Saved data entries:
Segment Open

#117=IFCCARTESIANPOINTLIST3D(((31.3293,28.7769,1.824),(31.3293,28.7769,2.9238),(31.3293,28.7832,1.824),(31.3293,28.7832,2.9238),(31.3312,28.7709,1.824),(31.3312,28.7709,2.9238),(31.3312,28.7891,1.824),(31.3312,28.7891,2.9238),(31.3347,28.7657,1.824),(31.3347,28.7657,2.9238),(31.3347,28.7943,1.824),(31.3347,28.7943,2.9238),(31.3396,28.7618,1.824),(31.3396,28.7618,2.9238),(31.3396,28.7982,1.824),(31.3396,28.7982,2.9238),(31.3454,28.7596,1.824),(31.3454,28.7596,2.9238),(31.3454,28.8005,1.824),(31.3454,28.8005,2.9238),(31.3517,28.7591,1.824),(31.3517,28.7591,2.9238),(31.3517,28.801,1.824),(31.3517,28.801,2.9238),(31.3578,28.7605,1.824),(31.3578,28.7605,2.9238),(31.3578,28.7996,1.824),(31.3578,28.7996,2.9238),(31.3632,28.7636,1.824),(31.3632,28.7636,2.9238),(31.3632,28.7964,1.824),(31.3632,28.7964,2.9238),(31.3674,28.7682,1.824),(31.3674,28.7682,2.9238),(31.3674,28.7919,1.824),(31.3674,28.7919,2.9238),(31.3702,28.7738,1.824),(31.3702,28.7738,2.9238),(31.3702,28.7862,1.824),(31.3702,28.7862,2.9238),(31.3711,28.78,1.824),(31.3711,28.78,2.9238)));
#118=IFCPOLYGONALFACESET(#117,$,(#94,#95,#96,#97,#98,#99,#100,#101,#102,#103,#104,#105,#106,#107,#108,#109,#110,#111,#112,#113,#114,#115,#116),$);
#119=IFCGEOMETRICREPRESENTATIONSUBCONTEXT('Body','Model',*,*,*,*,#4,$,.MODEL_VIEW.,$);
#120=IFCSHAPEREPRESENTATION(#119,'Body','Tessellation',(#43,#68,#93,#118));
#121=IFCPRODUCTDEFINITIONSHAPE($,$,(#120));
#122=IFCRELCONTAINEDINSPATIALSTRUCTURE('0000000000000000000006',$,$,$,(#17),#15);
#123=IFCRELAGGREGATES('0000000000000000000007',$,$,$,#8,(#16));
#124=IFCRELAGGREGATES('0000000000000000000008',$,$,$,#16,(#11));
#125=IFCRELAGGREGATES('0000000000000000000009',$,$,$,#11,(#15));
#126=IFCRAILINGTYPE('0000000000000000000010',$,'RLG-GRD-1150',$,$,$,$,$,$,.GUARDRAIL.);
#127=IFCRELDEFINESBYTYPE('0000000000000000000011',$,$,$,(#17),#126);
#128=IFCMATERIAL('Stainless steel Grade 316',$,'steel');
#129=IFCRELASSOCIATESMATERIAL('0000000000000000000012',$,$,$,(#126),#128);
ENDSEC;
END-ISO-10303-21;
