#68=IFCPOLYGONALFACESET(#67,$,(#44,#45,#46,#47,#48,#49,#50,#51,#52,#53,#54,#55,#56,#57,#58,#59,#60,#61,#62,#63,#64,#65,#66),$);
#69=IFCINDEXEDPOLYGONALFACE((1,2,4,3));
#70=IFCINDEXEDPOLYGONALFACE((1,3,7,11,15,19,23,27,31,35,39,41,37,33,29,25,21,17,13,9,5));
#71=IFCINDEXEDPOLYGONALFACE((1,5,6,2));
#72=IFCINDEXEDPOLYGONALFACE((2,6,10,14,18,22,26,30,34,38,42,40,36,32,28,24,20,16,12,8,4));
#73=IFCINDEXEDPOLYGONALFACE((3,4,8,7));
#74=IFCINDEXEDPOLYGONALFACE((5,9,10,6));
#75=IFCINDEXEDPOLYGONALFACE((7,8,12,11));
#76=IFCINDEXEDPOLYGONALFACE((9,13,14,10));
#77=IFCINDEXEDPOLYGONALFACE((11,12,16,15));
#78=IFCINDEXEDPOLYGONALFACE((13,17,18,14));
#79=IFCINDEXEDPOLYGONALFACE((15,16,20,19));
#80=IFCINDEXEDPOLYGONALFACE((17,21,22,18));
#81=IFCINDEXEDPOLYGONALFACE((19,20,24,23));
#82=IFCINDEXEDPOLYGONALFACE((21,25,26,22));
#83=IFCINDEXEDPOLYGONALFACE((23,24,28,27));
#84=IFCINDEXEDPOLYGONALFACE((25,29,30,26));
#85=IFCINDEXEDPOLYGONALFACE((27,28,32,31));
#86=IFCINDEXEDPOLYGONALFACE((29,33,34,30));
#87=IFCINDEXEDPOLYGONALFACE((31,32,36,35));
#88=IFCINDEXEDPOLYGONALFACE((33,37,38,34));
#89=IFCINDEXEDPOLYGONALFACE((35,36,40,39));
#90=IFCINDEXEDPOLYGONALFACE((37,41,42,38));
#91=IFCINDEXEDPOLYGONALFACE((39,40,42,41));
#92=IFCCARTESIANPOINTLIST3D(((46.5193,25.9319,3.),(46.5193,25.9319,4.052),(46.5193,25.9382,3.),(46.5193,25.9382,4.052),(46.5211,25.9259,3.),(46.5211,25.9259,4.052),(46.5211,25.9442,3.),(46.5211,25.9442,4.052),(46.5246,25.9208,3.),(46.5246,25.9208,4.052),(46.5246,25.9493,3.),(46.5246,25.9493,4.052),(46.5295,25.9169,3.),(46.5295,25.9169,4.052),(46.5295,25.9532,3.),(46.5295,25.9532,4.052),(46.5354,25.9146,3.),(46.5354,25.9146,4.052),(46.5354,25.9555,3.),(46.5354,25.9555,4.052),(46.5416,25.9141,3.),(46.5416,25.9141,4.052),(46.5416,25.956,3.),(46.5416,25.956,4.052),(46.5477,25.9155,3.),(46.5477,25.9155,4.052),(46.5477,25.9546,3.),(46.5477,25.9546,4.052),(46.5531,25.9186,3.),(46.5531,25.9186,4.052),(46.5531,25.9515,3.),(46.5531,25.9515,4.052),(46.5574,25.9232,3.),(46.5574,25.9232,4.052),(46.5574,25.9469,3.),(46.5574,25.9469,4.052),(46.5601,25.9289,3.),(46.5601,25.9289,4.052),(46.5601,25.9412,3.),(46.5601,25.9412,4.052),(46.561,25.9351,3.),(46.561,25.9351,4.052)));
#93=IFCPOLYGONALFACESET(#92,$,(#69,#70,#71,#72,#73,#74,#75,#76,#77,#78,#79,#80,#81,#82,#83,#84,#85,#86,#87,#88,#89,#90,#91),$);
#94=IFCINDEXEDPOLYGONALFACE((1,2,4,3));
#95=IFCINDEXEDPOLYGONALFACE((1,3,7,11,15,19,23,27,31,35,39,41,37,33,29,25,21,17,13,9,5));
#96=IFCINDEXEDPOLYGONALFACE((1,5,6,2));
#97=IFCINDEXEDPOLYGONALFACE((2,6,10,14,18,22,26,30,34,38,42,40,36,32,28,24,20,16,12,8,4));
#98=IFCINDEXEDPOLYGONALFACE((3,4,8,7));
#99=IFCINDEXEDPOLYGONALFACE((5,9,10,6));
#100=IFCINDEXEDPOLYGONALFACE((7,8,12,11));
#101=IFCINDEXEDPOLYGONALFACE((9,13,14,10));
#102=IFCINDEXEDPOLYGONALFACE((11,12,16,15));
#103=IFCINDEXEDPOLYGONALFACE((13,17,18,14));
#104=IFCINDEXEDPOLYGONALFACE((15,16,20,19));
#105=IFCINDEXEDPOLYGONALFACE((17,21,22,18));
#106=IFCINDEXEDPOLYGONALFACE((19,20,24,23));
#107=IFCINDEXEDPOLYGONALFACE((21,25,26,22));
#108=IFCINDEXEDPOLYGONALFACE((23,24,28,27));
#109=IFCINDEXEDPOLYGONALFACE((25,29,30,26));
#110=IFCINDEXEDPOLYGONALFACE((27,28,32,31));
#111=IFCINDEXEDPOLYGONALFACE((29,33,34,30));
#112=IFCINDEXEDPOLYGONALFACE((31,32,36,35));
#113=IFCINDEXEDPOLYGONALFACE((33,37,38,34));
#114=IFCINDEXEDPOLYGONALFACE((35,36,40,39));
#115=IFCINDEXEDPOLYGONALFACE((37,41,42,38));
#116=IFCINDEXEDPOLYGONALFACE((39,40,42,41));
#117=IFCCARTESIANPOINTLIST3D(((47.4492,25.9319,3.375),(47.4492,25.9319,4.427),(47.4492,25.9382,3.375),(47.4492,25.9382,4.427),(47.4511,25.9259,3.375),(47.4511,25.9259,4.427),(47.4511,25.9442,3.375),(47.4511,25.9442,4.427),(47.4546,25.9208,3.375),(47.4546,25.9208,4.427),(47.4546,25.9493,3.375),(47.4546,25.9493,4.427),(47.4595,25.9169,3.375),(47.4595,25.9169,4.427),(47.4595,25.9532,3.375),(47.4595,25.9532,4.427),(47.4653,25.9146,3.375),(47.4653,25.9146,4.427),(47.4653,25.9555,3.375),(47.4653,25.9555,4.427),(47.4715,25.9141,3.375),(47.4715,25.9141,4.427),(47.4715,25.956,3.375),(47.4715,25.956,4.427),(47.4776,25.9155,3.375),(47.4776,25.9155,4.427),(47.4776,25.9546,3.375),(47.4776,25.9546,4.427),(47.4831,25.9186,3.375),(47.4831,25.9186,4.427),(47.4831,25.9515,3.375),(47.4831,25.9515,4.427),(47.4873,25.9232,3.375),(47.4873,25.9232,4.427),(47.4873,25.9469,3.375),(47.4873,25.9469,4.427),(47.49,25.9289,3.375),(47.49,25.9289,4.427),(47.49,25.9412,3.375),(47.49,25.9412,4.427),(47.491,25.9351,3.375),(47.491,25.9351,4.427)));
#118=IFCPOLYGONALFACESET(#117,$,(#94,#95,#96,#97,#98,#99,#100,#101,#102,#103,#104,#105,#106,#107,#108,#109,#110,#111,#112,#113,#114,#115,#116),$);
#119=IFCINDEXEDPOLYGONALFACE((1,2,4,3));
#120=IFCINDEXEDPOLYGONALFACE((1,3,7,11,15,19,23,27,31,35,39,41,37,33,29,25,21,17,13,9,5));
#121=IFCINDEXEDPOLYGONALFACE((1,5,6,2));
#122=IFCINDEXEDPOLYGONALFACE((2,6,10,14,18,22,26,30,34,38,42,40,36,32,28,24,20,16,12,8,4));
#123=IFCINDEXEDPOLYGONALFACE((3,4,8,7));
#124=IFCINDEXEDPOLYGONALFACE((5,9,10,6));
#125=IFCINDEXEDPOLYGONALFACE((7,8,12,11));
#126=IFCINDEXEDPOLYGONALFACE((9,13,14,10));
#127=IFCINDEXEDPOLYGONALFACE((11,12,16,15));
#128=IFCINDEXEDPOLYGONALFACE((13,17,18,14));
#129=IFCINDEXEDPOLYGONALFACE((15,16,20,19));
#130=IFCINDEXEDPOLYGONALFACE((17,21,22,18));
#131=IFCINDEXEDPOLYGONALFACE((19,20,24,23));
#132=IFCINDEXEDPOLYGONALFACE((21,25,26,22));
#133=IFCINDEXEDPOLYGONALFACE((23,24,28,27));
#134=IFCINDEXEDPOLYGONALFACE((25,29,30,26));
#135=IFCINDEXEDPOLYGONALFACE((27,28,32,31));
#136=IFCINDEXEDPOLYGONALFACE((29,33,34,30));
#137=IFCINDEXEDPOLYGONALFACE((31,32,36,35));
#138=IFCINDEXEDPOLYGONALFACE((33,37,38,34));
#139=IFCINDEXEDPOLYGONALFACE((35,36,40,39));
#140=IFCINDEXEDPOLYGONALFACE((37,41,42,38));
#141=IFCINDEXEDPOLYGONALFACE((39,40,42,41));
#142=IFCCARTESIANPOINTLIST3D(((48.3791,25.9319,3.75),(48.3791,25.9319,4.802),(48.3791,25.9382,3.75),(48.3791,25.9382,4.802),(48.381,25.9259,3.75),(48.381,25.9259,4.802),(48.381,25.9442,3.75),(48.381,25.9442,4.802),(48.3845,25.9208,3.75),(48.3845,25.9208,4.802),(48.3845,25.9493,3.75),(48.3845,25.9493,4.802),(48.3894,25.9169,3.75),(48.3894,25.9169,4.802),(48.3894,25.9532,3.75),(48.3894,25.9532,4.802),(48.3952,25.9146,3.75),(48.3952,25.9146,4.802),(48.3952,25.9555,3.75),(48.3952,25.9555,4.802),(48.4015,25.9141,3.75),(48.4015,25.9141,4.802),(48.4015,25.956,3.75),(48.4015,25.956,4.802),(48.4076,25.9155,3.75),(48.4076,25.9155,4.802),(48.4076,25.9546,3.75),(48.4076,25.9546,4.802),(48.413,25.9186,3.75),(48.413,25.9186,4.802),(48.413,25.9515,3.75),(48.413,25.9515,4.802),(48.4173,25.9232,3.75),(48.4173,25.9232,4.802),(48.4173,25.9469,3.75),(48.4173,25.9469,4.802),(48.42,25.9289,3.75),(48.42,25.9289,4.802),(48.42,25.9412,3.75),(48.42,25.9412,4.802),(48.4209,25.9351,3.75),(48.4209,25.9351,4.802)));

Segment Closed

Goal of the exercise:
Among the records above, a stretch begins at the line containing "#84=IFCINDEXEDPOLYGONALFACE((25,29,30,26));" and ends at the line containing "#91=IFCINDEXEDPOLYGONALFACE((39,40,42,41));". Restate that stretch word for word, and nothing else.

Output below:
#84=IFCINDEXEDPOLYGONALFACE((25,29,30,26));
#85=IFCINDEXEDPOLYGONALFACE((27,28,32,31));
#86=IFCINDEXEDPOLYGONALFACE((29,33,34,30));
#87=IFCINDEXEDPOLYGONALFACE((31,32,36,35));
#88=IFCINDEXEDPOLYGONALFACE((33,37,38,34));
#89=IFCINDEXEDPOLYGONALFACE((35,36,40,39));
#90=IFCINDEXEDPOLYGONALFACE((37,41,42,38));
#91=IFCINDEXEDPOLYGONALFACE((39,40,42,41));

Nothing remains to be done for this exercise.